___ Data ___

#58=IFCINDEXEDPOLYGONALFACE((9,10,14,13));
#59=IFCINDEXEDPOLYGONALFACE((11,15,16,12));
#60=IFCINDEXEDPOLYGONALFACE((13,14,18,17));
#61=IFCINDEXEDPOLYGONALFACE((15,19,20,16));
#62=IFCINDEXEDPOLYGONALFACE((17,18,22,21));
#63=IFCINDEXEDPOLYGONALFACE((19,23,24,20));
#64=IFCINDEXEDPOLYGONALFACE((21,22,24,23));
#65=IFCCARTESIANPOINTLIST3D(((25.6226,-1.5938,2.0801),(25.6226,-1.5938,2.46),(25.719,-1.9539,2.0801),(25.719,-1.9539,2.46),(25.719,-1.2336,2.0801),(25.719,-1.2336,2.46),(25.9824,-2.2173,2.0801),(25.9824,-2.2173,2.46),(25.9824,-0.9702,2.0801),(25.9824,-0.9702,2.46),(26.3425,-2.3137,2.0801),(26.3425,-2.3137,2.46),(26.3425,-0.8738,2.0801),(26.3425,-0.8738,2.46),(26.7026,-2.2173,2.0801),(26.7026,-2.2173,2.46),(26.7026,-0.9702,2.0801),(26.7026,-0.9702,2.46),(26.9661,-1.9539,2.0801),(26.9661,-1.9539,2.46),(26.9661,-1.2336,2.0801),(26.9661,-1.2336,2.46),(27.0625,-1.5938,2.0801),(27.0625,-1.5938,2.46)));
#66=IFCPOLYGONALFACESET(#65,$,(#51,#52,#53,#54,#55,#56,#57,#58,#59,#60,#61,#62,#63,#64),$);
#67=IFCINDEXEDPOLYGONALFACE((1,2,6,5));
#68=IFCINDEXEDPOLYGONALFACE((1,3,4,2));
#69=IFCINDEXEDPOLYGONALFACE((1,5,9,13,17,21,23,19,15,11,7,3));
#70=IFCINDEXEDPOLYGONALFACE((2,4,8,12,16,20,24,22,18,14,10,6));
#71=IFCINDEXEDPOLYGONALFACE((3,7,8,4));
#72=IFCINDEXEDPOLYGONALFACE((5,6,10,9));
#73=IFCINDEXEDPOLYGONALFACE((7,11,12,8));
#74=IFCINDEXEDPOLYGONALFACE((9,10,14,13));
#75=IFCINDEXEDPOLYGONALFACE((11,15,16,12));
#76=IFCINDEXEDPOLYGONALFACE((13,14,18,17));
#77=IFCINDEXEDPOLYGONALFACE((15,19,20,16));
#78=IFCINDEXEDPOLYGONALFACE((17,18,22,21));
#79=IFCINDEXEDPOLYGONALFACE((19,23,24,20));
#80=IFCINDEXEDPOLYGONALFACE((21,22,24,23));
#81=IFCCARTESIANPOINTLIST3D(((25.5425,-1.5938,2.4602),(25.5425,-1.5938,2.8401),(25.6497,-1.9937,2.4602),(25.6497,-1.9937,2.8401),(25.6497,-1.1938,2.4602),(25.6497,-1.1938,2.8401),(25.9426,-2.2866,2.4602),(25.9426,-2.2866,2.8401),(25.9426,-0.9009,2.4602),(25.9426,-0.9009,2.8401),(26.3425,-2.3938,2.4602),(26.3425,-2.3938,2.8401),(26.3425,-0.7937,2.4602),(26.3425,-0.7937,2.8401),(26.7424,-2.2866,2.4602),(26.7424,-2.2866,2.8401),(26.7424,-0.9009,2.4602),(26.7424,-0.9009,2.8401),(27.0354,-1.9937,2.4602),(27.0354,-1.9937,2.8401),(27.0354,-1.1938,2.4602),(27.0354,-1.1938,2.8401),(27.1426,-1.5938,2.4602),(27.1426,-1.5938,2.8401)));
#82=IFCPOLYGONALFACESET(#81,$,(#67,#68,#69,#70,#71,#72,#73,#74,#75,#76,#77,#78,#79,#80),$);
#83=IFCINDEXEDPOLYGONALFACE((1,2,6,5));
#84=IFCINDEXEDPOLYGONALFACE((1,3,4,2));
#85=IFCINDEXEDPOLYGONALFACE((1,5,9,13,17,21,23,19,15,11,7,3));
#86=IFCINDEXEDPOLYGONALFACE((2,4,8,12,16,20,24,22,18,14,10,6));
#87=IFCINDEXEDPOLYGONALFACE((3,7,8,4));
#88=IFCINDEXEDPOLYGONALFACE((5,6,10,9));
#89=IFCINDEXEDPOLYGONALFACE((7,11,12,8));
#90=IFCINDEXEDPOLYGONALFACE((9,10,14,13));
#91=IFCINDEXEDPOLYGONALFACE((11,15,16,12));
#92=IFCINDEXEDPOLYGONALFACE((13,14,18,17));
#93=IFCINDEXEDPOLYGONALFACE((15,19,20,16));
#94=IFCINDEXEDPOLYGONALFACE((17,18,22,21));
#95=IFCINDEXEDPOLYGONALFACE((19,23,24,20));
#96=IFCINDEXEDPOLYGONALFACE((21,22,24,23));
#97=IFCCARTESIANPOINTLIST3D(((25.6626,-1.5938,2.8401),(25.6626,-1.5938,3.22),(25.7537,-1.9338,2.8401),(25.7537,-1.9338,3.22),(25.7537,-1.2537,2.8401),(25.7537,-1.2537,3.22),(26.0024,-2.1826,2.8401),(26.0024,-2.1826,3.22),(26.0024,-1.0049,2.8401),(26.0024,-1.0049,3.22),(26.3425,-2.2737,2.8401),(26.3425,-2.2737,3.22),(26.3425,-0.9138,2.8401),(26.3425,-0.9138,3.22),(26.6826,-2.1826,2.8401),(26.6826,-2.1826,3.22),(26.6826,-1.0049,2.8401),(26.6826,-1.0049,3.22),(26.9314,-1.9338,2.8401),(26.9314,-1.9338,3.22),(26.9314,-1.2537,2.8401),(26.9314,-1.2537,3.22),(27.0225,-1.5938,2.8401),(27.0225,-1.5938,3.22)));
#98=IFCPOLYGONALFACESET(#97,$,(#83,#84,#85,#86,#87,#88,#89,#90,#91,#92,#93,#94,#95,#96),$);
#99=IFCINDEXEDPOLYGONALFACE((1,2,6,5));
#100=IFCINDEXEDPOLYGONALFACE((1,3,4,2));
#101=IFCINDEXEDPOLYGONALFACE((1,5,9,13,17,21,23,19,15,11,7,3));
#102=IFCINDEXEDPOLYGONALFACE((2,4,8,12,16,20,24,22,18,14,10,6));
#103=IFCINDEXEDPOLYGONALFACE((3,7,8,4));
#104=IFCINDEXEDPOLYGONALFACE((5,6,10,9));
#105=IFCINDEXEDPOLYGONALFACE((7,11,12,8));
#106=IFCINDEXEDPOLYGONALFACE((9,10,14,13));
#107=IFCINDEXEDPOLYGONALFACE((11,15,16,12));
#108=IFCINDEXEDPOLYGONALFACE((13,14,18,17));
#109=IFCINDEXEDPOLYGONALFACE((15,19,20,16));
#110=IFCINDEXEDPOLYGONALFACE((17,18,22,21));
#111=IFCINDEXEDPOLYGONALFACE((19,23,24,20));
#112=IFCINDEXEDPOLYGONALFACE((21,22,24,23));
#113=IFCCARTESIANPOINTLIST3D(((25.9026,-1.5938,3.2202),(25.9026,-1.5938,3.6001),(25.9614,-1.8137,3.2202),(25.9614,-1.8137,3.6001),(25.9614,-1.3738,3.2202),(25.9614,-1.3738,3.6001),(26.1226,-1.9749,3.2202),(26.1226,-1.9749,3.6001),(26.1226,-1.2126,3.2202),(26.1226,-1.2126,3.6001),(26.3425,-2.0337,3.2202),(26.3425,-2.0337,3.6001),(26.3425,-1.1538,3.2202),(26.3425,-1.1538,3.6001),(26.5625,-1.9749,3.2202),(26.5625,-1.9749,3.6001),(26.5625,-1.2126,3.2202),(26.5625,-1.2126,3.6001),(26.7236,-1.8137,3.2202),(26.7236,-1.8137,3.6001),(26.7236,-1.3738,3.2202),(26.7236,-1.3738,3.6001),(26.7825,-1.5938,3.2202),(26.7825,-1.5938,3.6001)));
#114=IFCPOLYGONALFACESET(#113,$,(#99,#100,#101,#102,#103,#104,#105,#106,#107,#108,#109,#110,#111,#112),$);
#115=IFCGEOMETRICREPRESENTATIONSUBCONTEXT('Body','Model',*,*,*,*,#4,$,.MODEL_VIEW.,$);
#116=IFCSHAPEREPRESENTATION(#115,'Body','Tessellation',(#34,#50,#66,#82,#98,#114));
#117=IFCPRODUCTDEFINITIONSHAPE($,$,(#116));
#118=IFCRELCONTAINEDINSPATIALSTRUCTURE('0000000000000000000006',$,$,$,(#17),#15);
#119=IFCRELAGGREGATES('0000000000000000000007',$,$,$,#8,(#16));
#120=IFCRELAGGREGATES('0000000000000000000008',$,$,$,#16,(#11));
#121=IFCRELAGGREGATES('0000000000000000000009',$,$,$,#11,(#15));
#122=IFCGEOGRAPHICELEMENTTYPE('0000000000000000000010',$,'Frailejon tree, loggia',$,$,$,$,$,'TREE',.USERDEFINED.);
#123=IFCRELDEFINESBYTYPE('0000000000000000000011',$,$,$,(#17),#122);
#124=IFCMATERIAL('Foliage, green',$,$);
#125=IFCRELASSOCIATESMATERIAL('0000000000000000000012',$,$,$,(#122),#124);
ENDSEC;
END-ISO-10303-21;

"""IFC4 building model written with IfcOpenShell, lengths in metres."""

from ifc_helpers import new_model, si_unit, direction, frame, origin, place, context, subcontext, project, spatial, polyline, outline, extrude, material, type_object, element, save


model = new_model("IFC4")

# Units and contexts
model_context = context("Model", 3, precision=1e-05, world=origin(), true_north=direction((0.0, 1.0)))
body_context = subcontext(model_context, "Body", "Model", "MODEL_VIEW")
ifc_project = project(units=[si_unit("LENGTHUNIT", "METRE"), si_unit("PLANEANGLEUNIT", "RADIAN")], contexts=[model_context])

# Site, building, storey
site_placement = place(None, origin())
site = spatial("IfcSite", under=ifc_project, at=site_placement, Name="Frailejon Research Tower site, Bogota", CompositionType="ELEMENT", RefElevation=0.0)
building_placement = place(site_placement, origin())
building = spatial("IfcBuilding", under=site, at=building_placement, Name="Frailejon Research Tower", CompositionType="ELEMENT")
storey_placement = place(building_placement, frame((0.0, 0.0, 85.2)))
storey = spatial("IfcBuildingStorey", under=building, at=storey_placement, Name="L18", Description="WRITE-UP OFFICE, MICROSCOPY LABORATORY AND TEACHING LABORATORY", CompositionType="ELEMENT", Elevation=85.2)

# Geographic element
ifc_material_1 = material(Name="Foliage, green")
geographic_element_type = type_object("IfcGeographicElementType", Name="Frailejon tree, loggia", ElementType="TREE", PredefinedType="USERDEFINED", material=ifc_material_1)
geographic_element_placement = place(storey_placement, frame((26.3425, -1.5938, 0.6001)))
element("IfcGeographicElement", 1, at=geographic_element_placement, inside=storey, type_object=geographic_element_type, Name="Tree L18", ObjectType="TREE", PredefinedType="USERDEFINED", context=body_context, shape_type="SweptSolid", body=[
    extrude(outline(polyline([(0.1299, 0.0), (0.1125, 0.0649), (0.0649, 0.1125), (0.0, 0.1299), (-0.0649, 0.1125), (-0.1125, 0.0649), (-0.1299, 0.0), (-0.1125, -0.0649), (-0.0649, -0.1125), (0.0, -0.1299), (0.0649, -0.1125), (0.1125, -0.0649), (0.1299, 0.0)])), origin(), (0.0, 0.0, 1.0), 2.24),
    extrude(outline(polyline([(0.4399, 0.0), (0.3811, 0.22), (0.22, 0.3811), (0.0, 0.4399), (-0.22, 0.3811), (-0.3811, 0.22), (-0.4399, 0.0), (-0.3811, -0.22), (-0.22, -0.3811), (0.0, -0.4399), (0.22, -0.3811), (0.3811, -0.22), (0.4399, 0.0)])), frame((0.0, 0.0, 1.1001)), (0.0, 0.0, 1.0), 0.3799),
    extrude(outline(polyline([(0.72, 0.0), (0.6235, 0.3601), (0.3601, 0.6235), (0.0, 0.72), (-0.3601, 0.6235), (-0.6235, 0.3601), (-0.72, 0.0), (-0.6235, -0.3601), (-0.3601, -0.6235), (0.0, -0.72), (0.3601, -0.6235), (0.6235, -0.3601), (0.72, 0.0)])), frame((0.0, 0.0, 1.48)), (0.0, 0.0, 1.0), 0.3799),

___

→ Exercise goal
From the data above, reproduce word for word the lines running from the line with "# Units and contexts" to the line with "building_placement = place(site_placement, origin())", ends included.

→ Answer box
# Units and contexts
model_context = context("Model", 3, precision=1e-05, world=origin(), true_north=direction((0.0, 1.0)))
body_context = subcontext(model_context, "Body", "Model", "MODEL_VIEW")
ifc_project = project(units=[si_unit("LENGTHUNIT", "METRE"), si_unit("PLANEANGLEUNIT", "RADIAN")], contexts=[model_context])

# Site, building, storey
site_placement = place(None, origin())
site = spatial("IfcSite", under=ifc_project, at=site_placement, Name="Frailejon Research Tower site, Bogota", CompositionType="ELEMENT", RefElevation=0.0)
building_placement = place(site_placement, origin())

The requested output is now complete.